TASK:
What lines below include the word "Name"? Copy each one.

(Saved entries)
------------------------------------------------------------

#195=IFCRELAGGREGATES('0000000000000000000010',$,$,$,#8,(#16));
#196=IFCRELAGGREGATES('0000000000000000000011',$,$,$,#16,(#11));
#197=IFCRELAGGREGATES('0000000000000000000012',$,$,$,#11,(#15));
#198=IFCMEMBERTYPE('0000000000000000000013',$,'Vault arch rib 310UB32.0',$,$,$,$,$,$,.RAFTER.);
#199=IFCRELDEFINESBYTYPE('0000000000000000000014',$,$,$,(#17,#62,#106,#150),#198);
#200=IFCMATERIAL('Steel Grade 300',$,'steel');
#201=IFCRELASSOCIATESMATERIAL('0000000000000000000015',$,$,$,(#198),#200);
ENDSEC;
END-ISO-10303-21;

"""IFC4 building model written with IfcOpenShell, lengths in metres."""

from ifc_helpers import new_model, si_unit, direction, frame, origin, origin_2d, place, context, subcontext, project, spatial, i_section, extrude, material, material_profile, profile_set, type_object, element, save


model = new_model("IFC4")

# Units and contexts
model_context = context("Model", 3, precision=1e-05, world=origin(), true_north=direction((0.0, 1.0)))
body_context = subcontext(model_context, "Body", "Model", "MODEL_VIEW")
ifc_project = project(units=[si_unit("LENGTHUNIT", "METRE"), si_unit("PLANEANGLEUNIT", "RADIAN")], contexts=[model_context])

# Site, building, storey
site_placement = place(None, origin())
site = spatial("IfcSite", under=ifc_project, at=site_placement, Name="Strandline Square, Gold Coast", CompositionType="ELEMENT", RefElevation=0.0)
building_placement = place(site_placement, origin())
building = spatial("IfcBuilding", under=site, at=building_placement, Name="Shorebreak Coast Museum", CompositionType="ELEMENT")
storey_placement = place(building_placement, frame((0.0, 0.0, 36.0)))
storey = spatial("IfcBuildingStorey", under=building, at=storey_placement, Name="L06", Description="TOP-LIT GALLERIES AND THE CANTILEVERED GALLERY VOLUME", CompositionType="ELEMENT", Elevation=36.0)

------------------------------------------------------------

ANSWER SPACE:
site = spatial("IfcSite", under=ifc_project, at=site_placement, Name="Strandline Square, Gold Coast", CompositionType="ELEMENT", RefElevation=0.0)
building = spatial("IfcBuilding", under=site, at=building_placement, Name="Shorebreak Coast Museum", CompositionType="ELEMENT")
storey = spatial("IfcBuildingStorey", under=building, at=storey_placement, Name="L06", Description="TOP-LIT GALLERIES AND THE CANTILEVERED GALLERY VOLUME", CompositionType="ELEMENT", Elevation=36.0)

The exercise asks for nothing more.